EXERCISE | Would you reproduce exactly the lines below from the one holding "building_placement = place(site_placement, origin())" through the one holding "curtain_wall_placement = place(storey_placement, origin())", inclusive, and no others?

EXCERPTED RECORDS |
++++++++++

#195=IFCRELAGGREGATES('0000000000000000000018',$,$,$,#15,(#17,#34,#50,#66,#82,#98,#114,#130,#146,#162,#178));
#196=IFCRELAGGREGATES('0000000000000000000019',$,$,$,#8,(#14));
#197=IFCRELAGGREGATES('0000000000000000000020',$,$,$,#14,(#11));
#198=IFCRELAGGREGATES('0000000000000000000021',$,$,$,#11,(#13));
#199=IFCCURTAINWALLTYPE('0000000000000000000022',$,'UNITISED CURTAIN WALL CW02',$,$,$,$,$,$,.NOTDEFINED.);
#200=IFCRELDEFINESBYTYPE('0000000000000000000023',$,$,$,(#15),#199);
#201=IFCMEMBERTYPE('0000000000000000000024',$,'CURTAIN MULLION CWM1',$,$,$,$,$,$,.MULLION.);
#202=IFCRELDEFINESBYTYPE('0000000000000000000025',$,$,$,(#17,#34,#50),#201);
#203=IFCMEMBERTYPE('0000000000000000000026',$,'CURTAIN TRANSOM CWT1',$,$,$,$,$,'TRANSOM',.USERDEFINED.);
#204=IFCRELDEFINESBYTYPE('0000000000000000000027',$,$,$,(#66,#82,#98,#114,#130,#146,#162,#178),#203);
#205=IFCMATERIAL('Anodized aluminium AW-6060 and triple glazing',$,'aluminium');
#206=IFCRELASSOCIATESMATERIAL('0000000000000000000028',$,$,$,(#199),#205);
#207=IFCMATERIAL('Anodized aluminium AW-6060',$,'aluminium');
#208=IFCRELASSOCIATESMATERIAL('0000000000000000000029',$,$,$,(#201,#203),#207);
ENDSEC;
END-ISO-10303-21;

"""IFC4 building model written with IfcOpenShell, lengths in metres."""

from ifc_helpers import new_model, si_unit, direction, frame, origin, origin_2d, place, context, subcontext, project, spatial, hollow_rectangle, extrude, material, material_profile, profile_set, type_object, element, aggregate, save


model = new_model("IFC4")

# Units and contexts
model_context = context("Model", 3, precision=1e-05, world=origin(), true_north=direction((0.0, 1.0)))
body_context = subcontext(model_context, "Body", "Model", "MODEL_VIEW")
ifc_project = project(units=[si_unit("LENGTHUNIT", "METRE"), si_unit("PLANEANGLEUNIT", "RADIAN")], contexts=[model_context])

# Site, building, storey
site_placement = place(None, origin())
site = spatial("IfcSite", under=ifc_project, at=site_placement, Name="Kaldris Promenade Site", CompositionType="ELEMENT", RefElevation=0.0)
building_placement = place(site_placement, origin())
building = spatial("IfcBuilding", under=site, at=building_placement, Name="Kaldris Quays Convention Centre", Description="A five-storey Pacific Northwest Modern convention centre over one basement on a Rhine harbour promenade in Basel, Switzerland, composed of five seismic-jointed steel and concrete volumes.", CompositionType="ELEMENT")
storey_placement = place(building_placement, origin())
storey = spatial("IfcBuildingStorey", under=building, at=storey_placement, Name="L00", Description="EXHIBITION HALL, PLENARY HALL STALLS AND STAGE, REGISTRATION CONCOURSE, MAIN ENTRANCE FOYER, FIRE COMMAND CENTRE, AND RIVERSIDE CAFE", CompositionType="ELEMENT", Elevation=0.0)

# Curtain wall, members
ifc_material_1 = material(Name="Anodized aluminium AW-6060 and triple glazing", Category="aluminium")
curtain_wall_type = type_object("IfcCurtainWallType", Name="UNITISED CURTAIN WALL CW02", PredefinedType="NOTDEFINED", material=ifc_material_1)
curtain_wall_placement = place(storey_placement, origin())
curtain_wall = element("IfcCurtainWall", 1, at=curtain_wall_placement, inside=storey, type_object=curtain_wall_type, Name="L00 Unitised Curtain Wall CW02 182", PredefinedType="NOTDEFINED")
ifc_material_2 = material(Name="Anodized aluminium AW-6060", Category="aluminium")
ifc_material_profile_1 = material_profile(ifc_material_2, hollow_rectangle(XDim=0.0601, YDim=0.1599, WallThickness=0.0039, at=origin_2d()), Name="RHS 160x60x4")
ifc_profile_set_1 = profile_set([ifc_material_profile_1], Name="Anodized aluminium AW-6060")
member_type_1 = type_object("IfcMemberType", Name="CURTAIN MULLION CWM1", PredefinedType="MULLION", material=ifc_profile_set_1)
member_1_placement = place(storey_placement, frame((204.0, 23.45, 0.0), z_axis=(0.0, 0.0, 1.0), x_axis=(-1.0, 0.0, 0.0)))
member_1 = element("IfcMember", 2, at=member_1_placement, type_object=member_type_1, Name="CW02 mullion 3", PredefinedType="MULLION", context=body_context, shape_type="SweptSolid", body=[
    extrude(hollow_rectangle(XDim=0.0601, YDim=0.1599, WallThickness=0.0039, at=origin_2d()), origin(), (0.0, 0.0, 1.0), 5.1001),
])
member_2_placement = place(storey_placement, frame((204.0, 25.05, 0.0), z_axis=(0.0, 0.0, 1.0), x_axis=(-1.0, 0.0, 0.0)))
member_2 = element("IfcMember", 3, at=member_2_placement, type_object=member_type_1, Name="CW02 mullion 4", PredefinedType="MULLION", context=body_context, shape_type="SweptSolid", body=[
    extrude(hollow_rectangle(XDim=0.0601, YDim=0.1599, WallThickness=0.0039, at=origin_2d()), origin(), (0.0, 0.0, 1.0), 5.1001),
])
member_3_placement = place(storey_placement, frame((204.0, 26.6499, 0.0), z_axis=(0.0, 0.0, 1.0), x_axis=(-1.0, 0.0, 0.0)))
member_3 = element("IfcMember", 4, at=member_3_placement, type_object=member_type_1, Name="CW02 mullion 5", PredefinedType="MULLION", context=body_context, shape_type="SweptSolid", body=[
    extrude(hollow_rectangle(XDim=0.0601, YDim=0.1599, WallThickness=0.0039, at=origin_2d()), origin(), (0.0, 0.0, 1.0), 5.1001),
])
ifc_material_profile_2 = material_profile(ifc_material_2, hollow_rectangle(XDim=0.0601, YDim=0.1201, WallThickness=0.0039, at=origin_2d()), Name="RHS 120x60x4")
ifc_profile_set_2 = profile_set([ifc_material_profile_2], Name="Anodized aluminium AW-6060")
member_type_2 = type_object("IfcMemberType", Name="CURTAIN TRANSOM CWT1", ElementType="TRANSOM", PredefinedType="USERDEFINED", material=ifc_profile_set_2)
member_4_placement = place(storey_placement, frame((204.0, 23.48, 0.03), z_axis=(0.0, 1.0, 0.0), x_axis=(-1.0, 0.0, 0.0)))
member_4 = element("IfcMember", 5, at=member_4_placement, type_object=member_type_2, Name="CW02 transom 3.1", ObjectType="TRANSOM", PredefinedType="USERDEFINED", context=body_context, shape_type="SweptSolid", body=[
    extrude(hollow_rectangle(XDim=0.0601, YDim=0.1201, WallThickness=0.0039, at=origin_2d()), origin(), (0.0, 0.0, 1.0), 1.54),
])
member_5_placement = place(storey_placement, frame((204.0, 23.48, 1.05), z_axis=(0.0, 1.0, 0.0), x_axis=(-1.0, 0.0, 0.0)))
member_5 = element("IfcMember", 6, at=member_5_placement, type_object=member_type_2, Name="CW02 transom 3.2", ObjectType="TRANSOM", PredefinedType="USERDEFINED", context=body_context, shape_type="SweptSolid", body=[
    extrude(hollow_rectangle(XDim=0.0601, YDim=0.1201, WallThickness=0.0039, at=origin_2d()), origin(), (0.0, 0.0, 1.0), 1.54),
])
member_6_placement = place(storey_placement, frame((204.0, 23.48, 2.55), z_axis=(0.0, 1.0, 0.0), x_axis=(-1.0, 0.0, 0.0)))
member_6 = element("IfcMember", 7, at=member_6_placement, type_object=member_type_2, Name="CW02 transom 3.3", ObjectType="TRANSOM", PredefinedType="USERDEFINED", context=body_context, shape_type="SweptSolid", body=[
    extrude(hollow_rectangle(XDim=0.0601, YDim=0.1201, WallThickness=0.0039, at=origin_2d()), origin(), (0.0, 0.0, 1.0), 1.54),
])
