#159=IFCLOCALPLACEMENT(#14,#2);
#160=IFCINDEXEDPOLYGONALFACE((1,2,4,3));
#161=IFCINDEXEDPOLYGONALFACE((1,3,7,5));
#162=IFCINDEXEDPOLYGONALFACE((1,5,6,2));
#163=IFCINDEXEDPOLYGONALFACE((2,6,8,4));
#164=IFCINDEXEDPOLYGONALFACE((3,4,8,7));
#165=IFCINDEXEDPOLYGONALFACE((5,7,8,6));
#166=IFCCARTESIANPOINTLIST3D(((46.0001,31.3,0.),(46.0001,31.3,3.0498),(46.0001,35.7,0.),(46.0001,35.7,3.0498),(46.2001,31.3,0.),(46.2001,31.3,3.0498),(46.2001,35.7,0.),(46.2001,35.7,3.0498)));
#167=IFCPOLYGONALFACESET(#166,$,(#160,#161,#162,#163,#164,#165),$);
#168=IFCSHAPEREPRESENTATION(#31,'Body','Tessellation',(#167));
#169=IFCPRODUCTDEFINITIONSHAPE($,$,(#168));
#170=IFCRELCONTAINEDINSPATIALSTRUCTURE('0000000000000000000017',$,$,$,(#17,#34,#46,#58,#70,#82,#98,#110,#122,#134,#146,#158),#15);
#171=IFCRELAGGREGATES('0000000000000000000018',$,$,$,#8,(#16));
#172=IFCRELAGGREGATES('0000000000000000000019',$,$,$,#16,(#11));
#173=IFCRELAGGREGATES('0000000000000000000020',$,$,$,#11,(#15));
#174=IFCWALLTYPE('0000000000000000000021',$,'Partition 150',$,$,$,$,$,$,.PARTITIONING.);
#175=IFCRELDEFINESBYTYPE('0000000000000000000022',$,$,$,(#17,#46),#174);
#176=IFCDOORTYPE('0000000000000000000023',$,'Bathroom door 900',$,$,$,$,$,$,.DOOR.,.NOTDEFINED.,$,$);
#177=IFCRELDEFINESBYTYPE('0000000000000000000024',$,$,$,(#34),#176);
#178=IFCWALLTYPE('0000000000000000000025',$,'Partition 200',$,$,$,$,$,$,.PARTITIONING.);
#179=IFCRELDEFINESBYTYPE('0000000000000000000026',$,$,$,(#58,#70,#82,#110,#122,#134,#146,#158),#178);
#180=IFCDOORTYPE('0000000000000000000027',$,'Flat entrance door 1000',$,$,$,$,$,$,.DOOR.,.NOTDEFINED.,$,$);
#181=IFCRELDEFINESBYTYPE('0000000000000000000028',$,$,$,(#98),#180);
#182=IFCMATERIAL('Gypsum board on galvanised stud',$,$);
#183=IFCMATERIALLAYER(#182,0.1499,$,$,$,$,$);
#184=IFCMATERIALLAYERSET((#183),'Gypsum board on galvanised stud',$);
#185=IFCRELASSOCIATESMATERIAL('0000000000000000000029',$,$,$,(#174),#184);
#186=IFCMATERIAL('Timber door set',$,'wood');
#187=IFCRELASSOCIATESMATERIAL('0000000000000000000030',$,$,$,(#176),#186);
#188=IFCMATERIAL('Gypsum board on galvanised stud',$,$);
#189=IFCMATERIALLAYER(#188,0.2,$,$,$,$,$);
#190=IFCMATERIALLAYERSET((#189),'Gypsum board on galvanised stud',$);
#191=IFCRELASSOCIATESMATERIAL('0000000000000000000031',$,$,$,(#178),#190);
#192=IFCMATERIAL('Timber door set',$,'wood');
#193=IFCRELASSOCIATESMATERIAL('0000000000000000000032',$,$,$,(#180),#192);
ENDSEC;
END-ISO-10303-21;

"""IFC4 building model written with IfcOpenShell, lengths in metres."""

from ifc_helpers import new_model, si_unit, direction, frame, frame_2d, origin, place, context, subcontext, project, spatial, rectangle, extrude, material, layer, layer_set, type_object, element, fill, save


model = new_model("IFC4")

++++++++++

TASK SOLUTION |
building_placement = place(site_placement, origin())
building = spatial("IfcBuilding", under=site, at=building_placement, Name="Kaldris Quays Convention Centre", Description="A five-storey Pacific Northwest Modern convention centre over one basement on a Rhine harbour promenade in Basel, Switzerland, composed of five seismic-jointed steel and concrete volumes.", CompositionType="ELEMENT")
storey_placement = place(building_placement, origin())
storey = spatial("IfcBuildingStorey", under=building, at=storey_placement, Name="L00", Description="EXHIBITION HALL, PLENARY HALL STALLS AND STAGE, REGISTRATION CONCOURSE, MAIN ENTRANCE FOYER, FIRE COMMAND CENTRE, AND RIVERSIDE CAFE", CompositionType="ELEMENT", Elevation=0.0)

# Curtain wall, members
ifc_material_1 = material(Name="Anodized aluminium AW-6060 and triple glazing", Category="aluminium")
curtain_wall_type = type_object("IfcCurtainWallType", Name="UNITISED CURTAIN WALL CW02", PredefinedType="NOTDEFINED", material=ifc_material_1)
curtain_wall_placement = place(storey_placement, origin())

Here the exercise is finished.